What the task requires.
Of the entries below, return only those lines from the line with "#77=IFCINDEXEDPOLYGONALFACE((11,12,16,15));" to the line with "#91=IFCINDEXEDPOLYGONALFACE((39,40,42,41));", exactly, both included.

Provided data.

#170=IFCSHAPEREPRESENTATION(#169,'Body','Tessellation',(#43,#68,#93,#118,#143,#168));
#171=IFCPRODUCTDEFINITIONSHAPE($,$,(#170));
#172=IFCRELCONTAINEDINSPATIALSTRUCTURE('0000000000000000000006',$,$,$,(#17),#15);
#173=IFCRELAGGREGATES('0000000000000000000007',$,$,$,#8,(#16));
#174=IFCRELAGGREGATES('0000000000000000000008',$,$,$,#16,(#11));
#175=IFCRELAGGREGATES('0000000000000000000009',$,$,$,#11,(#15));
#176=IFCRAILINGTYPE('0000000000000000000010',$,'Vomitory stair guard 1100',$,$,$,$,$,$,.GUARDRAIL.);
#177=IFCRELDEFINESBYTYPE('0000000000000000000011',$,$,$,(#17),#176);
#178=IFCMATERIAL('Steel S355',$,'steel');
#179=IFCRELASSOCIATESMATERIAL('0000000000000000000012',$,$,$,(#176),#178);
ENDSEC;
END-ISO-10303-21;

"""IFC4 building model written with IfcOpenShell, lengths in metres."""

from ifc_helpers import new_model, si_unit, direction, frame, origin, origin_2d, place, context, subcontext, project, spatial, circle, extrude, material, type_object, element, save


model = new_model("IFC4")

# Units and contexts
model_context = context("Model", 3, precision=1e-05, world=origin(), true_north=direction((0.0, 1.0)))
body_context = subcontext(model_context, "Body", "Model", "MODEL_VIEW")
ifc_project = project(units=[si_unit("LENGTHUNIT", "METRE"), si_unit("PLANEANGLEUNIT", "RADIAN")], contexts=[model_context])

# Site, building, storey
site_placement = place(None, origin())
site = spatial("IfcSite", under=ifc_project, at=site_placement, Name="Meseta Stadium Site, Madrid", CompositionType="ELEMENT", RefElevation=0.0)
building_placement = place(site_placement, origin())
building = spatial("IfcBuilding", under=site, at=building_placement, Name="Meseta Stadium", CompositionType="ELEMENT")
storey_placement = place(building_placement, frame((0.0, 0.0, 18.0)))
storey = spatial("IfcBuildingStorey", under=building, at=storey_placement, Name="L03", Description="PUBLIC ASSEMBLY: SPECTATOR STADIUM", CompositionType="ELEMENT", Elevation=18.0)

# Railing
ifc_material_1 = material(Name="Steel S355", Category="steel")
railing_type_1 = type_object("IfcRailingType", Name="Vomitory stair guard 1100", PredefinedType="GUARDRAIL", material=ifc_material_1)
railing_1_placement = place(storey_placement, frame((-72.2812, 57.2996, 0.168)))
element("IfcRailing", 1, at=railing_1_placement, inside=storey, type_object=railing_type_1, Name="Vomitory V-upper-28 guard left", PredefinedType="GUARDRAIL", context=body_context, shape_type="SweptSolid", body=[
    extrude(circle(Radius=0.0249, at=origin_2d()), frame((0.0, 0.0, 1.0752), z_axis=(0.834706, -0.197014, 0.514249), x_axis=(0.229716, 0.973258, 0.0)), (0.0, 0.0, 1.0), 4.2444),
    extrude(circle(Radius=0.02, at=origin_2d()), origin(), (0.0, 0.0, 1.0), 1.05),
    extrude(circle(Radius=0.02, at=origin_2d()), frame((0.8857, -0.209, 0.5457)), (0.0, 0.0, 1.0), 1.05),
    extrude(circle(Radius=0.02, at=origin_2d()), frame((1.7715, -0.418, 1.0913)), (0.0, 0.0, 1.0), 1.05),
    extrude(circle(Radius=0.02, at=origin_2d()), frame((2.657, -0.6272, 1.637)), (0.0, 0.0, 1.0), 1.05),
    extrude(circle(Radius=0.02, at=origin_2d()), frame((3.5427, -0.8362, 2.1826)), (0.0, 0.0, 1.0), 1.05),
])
...
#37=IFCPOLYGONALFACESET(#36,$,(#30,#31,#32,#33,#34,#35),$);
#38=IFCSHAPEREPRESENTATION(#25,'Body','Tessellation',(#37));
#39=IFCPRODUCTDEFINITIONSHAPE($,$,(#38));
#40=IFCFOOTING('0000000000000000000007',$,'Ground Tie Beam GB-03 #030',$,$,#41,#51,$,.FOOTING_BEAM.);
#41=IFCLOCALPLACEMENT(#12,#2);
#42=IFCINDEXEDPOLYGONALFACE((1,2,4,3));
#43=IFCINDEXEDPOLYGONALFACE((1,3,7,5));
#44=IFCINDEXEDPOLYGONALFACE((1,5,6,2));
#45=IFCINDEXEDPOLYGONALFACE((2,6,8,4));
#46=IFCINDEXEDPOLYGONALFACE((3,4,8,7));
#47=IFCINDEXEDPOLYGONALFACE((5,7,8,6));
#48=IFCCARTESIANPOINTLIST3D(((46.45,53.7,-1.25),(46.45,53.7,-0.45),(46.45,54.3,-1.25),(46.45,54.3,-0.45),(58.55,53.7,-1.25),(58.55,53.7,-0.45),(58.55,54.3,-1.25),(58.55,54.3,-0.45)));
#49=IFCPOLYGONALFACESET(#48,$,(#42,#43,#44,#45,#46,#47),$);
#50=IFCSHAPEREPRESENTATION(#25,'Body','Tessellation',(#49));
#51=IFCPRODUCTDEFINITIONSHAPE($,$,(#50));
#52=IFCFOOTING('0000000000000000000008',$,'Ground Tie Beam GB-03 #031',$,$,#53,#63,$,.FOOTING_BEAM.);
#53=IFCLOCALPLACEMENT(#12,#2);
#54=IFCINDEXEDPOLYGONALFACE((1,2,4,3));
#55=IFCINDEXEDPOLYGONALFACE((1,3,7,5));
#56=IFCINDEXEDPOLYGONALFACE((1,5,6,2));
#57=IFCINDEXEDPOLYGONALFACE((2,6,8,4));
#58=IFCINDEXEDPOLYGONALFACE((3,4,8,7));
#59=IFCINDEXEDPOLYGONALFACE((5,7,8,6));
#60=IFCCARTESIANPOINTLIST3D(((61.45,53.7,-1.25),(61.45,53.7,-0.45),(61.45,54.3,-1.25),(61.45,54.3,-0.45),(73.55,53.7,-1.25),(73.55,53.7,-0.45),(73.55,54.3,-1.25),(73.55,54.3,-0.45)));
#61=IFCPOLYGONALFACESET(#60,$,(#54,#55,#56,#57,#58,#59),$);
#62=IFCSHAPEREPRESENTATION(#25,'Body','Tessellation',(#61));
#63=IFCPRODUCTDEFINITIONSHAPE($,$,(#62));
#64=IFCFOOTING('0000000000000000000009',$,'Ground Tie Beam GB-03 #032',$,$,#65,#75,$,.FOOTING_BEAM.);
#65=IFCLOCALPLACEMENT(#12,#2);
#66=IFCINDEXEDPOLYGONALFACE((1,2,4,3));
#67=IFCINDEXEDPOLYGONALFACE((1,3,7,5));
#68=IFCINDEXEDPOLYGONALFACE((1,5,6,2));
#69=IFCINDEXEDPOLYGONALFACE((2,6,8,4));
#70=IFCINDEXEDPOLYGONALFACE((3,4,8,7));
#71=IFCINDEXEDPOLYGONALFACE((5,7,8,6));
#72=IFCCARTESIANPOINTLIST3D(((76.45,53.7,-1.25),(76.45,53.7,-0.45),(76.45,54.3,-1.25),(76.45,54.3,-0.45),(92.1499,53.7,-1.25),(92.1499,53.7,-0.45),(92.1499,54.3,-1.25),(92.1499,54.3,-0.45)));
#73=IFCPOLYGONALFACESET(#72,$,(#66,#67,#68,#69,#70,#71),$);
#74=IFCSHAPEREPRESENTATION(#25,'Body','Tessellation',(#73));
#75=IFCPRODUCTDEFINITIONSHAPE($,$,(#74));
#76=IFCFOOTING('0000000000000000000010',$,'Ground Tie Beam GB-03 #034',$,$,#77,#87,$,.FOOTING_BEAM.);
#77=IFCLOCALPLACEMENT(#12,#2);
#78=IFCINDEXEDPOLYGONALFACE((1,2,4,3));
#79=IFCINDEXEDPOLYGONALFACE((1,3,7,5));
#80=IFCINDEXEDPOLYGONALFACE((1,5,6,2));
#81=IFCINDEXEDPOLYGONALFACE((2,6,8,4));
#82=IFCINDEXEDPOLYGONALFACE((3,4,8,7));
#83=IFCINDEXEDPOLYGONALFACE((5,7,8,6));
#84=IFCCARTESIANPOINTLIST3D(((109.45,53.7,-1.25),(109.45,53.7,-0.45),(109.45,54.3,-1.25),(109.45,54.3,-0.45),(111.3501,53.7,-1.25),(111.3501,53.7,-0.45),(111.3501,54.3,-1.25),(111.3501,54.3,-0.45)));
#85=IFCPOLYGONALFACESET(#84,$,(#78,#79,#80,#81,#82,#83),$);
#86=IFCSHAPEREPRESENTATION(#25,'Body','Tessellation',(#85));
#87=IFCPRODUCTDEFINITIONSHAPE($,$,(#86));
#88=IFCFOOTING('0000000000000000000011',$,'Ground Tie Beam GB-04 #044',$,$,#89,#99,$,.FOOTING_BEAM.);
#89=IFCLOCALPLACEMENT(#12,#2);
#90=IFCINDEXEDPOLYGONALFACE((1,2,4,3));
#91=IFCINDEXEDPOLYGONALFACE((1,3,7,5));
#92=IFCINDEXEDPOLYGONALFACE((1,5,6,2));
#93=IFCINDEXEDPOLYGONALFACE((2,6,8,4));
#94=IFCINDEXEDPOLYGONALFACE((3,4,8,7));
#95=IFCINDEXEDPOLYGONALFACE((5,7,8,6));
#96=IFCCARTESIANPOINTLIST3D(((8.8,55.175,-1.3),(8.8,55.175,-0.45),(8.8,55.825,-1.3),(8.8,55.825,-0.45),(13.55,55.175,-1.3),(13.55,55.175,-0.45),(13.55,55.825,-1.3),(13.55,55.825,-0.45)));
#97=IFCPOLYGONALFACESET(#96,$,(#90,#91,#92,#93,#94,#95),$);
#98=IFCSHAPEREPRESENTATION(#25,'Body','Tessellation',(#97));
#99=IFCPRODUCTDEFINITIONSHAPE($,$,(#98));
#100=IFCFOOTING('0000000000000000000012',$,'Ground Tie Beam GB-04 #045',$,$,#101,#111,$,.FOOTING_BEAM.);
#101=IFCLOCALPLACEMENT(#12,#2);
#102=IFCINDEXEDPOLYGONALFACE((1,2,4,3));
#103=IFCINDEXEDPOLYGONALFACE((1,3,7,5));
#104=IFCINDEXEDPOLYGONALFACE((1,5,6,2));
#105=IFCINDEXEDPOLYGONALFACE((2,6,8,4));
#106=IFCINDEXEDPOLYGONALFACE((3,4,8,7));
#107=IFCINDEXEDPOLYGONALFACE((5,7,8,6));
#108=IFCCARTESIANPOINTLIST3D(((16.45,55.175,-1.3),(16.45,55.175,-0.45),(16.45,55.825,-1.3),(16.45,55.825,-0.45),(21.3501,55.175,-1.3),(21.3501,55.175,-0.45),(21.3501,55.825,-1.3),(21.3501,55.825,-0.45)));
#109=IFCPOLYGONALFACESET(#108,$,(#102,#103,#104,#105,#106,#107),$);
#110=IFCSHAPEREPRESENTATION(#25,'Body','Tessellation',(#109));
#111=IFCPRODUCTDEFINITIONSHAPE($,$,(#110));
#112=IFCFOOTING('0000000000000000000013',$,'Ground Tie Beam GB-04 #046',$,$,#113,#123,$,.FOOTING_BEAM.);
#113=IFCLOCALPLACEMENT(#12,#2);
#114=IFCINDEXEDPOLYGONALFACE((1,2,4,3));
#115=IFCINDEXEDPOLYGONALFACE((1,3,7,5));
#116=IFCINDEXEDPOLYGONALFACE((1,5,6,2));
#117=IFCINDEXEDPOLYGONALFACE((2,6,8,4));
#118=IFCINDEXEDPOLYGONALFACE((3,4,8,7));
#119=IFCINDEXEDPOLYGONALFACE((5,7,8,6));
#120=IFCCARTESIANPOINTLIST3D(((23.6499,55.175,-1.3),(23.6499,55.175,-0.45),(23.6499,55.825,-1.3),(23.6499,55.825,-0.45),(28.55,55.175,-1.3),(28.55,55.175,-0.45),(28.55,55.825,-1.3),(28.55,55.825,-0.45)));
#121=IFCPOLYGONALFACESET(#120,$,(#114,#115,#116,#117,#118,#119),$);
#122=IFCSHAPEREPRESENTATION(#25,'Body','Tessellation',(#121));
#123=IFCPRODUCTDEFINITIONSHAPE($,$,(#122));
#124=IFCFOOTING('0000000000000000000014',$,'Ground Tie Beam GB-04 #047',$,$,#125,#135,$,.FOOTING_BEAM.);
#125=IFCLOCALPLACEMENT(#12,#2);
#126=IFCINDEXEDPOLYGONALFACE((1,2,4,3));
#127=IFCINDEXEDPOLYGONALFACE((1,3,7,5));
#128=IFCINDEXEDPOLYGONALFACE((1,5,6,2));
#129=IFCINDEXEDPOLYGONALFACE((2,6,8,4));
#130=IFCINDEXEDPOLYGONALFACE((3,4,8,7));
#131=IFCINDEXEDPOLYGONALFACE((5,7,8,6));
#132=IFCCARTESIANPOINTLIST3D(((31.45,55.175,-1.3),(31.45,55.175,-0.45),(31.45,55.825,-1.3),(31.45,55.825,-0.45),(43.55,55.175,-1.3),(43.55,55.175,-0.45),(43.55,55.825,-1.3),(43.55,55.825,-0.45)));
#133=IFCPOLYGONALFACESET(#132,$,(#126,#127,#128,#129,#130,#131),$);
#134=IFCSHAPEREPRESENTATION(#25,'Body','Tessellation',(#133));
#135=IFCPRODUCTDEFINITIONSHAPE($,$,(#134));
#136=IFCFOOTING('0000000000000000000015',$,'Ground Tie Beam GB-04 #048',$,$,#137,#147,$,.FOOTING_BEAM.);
* * *
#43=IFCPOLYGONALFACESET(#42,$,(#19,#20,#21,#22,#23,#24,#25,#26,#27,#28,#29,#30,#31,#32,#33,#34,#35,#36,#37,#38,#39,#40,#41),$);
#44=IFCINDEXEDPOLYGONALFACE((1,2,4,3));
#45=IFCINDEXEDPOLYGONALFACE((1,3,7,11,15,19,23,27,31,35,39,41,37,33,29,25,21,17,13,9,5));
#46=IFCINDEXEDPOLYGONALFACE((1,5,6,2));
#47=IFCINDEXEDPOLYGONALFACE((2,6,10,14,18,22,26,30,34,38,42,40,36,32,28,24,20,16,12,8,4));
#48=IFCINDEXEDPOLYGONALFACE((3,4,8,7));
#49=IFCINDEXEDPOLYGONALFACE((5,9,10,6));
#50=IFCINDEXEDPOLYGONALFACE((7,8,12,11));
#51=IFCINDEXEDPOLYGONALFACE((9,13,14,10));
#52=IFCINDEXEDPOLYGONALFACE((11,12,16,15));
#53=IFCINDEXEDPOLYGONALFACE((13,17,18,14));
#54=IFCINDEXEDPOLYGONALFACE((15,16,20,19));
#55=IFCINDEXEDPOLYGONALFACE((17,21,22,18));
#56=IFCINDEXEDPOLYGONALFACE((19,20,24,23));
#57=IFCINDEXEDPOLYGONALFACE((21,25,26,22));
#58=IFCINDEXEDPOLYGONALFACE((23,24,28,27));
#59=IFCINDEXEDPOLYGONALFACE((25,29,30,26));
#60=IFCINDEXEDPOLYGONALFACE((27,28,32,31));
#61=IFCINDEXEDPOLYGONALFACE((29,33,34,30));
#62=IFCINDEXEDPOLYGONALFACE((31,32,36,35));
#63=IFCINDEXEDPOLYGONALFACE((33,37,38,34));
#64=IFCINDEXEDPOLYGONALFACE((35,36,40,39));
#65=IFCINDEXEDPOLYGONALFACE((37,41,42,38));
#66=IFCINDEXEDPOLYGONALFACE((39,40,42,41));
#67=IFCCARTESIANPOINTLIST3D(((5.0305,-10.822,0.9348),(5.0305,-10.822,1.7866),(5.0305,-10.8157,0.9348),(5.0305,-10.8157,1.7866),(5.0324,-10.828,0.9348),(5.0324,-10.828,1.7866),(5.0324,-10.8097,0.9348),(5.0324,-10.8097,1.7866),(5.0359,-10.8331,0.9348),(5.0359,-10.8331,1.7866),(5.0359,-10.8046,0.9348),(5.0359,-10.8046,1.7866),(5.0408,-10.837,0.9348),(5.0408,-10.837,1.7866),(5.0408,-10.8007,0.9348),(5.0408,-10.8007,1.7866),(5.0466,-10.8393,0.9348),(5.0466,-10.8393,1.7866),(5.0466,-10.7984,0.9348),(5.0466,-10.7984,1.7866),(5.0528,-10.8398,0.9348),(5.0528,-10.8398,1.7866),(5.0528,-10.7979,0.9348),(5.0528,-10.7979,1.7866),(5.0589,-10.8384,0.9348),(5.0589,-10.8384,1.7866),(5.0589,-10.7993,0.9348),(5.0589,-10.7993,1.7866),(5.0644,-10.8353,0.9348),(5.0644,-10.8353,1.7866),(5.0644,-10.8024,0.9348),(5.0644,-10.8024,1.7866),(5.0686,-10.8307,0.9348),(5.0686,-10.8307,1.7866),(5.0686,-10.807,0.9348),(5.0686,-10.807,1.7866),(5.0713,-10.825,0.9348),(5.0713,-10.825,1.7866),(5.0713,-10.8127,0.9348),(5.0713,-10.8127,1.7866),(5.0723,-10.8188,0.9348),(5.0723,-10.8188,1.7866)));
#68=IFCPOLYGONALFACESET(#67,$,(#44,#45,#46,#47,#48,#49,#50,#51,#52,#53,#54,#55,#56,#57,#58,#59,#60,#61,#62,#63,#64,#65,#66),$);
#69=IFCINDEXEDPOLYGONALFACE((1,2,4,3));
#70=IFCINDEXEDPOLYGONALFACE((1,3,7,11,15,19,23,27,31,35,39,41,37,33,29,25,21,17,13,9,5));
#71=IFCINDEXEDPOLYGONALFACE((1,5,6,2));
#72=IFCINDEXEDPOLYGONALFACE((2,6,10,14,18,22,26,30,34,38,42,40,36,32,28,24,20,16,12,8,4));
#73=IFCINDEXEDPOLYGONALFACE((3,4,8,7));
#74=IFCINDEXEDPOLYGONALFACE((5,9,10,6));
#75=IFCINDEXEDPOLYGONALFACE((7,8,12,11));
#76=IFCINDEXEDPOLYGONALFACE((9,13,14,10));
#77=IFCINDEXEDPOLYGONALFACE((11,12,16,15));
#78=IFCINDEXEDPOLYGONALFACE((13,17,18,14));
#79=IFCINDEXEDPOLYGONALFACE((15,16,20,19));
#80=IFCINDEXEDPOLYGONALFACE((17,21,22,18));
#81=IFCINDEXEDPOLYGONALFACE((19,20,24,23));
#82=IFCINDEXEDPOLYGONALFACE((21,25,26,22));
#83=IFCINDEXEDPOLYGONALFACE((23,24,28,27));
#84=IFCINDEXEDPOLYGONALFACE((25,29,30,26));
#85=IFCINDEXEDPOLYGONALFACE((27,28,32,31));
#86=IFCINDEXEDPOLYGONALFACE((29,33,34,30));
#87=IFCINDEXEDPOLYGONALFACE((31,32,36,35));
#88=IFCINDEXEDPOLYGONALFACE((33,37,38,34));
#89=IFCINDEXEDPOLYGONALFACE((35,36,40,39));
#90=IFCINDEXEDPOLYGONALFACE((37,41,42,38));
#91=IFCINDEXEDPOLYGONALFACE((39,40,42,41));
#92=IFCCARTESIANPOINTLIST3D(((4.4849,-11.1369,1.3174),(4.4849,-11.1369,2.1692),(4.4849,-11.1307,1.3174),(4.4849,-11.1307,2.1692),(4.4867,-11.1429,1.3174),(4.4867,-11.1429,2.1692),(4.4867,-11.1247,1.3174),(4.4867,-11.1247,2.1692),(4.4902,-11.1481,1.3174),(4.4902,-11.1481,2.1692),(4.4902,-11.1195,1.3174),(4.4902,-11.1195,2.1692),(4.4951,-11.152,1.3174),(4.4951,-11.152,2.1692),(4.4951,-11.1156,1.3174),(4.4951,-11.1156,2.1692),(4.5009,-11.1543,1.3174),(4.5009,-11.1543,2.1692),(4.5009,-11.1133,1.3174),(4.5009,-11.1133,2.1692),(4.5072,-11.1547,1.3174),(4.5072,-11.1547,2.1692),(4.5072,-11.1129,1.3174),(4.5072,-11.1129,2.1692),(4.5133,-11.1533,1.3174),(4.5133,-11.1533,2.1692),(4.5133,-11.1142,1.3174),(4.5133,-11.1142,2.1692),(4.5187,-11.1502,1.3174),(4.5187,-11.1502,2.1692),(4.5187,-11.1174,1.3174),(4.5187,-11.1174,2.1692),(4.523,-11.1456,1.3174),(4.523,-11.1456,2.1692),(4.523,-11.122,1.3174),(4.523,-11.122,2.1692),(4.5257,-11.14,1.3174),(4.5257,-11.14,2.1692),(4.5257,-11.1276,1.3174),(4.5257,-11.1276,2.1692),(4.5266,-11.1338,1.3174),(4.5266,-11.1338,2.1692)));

Reply.
#77=IFCINDEXEDPOLYGONALFACE((11,12,16,15));
#78=IFCINDEXEDPOLYGONALFACE((13,17,18,14));
#79=IFCINDEXEDPOLYGONALFACE((15,16,20,19));
#80=IFCINDEXEDPOLYGONALFACE((17,21,22,18));
#81=IFCINDEXEDPOLYGONALFACE((19,20,24,23));
#82=IFCINDEXEDPOLYGONALFACE((21,25,26,22));
#83=IFCINDEXEDPOLYGONALFACE((23,24,28,27));
#84=IFCINDEXEDPOLYGONALFACE((25,29,30,26));
#85=IFCINDEXEDPOLYGONALFACE((27,28,32,31));
#86=IFCINDEXEDPOLYGONALFACE((29,33,34,30));
#87=IFCINDEXEDPOLYGONALFACE((31,32,36,35));
#88=IFCINDEXEDPOLYGONALFACE((33,37,38,34));
#89=IFCINDEXEDPOLYGONALFACE((35,36,40,39));
#90=IFCINDEXEDPOLYGONALFACE((37,41,42,38));
#91=IFCINDEXEDPOLYGONALFACE((39,40,42,41));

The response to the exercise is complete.